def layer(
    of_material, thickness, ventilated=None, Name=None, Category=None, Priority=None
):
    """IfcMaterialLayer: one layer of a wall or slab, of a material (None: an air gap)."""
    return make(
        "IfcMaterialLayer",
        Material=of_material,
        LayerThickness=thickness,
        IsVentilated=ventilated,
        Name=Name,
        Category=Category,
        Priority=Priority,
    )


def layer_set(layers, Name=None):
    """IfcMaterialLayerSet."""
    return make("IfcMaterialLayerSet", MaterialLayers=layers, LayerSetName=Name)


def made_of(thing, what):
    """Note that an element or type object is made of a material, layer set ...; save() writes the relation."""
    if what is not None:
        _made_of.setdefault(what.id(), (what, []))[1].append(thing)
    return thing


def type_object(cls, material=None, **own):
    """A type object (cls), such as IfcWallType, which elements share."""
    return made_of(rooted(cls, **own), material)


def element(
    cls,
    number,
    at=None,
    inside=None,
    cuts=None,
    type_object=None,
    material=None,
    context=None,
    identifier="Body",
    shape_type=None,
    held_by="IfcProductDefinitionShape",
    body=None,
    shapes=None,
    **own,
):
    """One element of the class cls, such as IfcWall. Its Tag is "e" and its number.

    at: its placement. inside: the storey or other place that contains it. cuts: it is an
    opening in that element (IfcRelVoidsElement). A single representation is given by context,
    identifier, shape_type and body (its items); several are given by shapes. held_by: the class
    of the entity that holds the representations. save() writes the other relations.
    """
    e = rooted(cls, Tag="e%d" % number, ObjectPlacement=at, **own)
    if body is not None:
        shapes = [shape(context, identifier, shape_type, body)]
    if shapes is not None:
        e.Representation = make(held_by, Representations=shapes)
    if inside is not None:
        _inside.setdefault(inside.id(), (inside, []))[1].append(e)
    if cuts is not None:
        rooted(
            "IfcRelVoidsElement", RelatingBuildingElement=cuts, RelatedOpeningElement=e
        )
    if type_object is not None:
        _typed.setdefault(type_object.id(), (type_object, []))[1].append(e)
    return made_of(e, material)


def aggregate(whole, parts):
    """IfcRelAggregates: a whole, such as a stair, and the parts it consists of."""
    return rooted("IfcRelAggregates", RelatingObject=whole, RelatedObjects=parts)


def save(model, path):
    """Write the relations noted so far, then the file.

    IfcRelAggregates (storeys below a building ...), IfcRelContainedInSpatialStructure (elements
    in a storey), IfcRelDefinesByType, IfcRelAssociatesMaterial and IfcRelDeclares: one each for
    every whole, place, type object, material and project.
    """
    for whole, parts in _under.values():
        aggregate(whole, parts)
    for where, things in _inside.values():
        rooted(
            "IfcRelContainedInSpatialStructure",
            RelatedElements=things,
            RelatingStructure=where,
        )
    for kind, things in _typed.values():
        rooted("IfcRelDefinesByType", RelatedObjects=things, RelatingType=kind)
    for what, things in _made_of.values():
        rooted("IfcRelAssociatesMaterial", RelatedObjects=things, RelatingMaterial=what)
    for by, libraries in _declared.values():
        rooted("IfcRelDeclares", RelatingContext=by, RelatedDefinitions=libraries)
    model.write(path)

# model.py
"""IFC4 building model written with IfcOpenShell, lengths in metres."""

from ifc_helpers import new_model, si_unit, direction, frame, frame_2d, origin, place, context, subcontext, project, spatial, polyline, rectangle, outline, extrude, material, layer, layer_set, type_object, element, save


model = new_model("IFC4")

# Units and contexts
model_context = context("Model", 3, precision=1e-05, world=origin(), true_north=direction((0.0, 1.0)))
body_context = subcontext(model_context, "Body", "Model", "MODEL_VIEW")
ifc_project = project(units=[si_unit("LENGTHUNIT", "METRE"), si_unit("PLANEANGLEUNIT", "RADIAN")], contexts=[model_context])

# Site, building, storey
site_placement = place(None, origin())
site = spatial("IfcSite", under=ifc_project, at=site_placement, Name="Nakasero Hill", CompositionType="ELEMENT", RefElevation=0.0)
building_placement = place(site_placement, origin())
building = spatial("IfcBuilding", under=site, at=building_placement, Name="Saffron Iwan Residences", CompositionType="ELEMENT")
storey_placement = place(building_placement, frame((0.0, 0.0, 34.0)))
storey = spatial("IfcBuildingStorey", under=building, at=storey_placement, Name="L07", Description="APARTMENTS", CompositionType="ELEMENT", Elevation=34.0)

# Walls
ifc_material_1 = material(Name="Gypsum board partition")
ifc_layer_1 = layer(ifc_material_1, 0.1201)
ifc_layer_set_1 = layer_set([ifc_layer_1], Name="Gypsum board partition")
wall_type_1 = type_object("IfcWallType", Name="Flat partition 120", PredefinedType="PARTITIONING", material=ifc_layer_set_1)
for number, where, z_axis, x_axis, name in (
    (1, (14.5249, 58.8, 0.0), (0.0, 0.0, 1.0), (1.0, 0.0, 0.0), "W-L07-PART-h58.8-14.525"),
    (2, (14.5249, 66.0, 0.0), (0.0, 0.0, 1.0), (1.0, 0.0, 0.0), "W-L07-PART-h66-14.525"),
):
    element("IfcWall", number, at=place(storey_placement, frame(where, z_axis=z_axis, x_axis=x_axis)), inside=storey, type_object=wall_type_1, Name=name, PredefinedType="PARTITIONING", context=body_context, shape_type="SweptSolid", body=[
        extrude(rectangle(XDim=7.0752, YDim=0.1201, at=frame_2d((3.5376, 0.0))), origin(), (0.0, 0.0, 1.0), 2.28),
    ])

------------

EXERCISE AIM
Within the listing above, extract exactly the lines from the line with "of the entity" to the line with "e.Representation = make(held_by, Representations=shapes)", the two named lines included, and no others.

TASK RESULT
    of the entity that holds the representations. save() writes the other relations.
    """
    e = rooted(cls, Tag="e%d" % number, ObjectPlacement=at, **own)
    if body is not None:
        shapes = [shape(context, identifier, shape_type, body)]
    if shapes is not None:
        e.Representation = make(held_by, Representations=shapes)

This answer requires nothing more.